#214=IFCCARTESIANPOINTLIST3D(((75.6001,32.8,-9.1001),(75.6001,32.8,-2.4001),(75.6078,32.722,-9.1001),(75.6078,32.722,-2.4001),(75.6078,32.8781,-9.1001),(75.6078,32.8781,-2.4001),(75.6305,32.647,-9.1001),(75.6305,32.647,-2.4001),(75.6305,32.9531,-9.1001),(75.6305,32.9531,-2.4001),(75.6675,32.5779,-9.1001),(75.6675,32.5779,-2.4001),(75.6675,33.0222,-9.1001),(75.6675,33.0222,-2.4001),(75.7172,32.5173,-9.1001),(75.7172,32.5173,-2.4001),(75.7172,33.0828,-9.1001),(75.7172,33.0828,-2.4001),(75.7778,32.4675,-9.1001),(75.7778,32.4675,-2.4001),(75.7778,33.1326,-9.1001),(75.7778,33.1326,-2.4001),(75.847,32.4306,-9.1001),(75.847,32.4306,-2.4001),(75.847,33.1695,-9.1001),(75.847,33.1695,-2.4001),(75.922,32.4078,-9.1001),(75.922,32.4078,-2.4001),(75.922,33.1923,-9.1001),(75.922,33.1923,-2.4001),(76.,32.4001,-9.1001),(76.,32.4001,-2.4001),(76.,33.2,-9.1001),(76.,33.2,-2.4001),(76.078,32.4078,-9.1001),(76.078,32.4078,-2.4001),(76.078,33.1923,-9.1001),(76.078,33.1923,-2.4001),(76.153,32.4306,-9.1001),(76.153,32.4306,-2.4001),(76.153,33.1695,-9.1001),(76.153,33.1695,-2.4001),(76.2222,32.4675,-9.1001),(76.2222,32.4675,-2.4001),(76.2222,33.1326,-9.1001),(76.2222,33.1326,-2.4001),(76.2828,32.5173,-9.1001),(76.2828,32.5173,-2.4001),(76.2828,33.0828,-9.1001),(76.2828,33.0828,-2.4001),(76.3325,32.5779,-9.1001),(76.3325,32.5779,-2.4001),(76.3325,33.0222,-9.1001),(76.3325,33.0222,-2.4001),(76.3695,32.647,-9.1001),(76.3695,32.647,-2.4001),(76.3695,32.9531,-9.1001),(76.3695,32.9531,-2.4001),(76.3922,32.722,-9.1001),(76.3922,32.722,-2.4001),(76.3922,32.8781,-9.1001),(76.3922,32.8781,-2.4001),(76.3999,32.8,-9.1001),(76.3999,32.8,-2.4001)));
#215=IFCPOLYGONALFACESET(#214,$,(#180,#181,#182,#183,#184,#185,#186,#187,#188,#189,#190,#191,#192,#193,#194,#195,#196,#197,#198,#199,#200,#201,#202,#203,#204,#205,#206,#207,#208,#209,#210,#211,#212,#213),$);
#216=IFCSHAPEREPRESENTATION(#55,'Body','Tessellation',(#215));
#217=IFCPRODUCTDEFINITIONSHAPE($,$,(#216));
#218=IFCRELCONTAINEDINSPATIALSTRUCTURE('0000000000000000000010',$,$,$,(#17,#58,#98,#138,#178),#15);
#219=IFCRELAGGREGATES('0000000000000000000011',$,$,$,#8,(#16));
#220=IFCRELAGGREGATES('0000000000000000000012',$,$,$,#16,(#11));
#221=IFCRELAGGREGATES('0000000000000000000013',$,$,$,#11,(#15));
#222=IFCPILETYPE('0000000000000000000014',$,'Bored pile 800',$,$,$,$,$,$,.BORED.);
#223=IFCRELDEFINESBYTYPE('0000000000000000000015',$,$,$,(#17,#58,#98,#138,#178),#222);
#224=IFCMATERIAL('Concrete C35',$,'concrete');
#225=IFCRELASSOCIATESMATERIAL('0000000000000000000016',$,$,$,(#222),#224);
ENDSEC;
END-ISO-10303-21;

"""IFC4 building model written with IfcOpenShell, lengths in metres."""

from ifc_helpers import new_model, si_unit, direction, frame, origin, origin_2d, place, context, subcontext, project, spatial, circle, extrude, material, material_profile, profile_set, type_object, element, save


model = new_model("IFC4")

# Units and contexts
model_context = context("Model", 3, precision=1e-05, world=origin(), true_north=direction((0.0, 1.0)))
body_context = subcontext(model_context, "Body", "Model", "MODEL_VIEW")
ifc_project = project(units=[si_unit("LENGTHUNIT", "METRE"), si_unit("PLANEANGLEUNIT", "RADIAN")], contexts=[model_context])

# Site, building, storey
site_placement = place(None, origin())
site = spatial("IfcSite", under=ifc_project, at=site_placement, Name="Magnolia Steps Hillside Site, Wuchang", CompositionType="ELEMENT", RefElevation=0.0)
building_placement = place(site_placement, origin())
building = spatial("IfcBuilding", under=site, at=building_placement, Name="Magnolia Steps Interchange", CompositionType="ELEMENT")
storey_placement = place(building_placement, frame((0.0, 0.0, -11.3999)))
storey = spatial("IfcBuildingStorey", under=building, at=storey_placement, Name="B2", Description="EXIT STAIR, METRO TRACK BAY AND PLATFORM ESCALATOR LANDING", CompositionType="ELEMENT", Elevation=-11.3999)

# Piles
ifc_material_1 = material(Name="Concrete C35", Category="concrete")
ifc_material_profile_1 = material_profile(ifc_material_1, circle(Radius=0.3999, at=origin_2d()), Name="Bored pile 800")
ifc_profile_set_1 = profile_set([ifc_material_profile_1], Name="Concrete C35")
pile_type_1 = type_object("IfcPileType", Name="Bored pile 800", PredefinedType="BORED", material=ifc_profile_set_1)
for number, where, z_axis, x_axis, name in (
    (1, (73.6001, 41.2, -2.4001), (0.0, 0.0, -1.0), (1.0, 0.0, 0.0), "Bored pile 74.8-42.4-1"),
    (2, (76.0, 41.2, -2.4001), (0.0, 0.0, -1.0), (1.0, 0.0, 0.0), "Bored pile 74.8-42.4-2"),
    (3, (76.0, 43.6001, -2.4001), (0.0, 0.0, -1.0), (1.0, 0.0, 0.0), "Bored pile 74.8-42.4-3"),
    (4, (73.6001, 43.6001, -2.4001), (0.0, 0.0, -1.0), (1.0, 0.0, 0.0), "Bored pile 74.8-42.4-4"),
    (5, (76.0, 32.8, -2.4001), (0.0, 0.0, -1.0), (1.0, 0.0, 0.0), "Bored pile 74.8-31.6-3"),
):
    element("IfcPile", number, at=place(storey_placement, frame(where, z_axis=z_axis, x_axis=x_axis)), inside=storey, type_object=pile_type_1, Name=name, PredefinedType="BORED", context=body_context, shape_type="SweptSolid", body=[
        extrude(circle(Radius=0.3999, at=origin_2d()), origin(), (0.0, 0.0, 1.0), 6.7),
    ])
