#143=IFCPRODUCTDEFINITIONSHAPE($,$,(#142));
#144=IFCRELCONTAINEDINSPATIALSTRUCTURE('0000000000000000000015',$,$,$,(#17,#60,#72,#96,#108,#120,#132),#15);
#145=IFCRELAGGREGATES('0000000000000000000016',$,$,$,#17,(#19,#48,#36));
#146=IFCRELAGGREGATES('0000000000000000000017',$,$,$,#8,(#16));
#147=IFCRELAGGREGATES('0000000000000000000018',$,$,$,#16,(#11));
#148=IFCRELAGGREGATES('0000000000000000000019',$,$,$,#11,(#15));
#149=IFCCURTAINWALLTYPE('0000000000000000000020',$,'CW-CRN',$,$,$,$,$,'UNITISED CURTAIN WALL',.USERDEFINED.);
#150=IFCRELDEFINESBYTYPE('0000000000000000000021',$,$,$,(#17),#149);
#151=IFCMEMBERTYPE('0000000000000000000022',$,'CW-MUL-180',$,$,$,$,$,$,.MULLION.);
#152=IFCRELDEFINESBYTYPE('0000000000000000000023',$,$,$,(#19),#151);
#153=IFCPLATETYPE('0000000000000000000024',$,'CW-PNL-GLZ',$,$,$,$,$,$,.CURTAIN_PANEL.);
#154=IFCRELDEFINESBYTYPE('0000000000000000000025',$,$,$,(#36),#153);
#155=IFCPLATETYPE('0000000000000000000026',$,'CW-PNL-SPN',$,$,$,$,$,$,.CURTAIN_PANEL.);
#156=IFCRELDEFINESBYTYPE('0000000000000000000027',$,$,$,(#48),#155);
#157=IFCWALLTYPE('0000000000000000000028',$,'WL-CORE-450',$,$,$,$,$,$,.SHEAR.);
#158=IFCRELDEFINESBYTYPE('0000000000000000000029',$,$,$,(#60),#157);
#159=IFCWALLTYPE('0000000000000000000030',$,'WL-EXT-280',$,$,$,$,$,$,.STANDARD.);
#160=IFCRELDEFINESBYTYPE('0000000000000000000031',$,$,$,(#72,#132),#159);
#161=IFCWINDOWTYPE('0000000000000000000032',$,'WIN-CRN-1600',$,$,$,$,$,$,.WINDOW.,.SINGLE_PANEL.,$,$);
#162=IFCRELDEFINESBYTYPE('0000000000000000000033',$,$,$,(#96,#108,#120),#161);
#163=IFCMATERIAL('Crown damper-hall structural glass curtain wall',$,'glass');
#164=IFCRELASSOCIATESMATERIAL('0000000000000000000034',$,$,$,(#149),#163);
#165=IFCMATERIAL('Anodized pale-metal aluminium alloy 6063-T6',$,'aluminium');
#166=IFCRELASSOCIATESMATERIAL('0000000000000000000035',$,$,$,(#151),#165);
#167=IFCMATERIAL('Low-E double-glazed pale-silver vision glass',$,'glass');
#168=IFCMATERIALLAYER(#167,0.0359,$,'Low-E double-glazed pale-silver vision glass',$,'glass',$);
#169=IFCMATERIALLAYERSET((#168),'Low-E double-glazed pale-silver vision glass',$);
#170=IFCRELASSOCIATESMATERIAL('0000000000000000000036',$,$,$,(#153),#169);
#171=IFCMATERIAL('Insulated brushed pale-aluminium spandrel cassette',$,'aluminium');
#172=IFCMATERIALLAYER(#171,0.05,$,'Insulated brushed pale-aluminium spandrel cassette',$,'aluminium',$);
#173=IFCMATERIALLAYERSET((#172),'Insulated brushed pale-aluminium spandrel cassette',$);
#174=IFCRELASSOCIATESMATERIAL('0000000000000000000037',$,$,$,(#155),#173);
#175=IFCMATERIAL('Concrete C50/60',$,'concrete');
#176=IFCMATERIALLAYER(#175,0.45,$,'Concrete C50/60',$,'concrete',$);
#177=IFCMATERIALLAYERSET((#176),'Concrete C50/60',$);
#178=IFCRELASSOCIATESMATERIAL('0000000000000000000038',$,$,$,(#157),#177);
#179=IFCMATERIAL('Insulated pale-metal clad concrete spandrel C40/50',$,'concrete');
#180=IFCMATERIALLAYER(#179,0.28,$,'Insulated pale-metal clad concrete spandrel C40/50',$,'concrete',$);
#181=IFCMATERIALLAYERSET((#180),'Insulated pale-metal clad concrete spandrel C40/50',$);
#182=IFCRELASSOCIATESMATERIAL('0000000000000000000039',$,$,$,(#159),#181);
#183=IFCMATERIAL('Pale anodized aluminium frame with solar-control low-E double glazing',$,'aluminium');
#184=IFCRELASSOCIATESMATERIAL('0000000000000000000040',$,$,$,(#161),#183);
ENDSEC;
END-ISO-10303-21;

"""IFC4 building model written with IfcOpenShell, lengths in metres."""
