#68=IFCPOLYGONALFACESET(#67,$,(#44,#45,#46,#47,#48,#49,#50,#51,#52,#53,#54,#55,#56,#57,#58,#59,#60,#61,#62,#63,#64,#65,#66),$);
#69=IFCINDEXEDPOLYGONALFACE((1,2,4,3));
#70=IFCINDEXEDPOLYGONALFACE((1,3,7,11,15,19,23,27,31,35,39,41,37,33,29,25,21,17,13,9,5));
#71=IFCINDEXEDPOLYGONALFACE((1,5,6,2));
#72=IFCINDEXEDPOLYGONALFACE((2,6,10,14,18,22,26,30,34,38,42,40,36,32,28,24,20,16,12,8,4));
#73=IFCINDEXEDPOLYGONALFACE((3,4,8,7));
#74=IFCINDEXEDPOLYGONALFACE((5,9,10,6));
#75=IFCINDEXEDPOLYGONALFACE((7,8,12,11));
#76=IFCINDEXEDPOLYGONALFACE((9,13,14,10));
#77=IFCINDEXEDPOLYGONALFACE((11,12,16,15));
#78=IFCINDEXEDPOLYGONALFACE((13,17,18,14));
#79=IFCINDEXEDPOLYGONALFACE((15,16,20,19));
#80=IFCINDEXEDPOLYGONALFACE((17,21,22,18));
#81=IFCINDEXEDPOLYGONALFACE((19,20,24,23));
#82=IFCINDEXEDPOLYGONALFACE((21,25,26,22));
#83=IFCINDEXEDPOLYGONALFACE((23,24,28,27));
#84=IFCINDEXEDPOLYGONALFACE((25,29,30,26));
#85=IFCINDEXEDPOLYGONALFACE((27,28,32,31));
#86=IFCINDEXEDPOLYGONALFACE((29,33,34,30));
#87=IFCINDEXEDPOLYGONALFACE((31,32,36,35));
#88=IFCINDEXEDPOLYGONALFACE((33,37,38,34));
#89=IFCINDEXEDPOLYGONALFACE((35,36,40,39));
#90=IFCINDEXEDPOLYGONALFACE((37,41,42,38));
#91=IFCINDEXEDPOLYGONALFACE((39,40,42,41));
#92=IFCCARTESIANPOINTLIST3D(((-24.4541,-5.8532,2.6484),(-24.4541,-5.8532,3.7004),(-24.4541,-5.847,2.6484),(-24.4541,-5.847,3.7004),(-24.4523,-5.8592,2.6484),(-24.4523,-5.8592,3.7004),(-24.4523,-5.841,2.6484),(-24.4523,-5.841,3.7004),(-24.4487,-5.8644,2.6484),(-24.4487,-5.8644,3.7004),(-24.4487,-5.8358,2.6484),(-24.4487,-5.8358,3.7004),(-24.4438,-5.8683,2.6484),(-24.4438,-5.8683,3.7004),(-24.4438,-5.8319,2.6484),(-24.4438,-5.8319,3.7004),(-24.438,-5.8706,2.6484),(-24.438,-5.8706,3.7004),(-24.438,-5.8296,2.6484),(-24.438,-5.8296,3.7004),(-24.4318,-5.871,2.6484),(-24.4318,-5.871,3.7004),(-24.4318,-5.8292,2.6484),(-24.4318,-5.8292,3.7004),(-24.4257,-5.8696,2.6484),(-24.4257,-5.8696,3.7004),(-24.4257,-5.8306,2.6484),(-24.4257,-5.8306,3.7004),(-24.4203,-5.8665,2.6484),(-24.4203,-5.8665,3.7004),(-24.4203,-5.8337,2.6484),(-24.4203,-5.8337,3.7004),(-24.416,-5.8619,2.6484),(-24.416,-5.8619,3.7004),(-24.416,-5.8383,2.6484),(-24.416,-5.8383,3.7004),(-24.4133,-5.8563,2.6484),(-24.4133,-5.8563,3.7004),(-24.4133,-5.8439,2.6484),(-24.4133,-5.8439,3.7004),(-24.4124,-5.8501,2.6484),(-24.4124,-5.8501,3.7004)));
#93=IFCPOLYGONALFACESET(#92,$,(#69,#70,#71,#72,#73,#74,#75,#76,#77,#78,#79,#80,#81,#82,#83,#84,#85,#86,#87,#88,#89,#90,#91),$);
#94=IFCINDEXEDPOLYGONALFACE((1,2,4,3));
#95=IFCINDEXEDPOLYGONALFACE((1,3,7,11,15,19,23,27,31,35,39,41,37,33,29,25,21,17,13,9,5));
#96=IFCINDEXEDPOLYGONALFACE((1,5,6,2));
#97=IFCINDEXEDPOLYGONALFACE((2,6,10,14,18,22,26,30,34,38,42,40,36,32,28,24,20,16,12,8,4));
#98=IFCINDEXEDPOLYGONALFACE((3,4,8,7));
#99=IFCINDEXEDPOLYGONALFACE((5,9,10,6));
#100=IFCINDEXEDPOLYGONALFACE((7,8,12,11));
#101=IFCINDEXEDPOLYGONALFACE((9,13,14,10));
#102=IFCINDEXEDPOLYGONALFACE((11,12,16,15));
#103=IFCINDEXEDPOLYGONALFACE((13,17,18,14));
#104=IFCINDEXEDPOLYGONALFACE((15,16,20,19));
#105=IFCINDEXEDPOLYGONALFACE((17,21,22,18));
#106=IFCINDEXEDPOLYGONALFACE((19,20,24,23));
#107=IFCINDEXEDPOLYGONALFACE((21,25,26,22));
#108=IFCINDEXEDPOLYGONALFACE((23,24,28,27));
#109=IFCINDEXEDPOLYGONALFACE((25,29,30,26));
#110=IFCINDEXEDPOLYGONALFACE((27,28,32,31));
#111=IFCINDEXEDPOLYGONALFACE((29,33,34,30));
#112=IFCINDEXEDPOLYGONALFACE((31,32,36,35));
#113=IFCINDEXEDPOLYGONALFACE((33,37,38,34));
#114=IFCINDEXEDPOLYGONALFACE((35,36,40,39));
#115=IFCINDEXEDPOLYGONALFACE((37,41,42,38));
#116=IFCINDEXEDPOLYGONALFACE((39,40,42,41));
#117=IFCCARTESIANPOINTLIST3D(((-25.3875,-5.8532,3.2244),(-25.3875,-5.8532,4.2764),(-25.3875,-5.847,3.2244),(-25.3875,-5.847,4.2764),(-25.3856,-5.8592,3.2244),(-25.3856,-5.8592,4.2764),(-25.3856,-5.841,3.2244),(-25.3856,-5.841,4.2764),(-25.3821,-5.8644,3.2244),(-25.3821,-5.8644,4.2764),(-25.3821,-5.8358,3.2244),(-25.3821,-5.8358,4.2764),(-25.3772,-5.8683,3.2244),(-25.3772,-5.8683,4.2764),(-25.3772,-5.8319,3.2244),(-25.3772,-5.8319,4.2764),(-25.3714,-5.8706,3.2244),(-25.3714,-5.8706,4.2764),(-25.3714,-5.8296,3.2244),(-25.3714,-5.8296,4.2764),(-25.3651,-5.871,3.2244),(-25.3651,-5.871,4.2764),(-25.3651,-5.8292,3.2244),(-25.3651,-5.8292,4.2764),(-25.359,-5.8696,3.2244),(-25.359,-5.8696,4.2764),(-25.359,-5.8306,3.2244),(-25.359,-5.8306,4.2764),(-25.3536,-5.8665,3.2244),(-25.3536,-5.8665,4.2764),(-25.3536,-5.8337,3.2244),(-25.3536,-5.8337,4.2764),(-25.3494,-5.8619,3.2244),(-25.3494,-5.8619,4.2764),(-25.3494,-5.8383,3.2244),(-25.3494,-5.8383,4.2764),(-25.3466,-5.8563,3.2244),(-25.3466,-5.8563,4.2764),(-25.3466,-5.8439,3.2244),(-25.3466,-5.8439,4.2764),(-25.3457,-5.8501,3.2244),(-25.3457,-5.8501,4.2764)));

++++

■ **Task brief**
The lines to copy are those in the records above containing the word "frame".

■ **Solution to the exercise**
from ifc_helpers import new_model, si_unit, direction, frame, origin, origin_2d, place, context, subcontext, project, spatial, circle, extrude, material, material_profile, profile_set, type_object, element, save
storey_placement = place(building_placement, frame((0.0, 0.0, -11.3999)))
    element("IfcPile", number, at=place(storey_placement, frame(where, z_axis=z_axis, x_axis=x_axis)), inside=storey, type_object=pile_type_1, Name=name, PredefinedType="BORED", context=body_context, shape_type="SweptSolid", body=[
#183=IFCMATERIAL('Pale anodized aluminium frame with solar-control low-E double glazing',$,'aluminium');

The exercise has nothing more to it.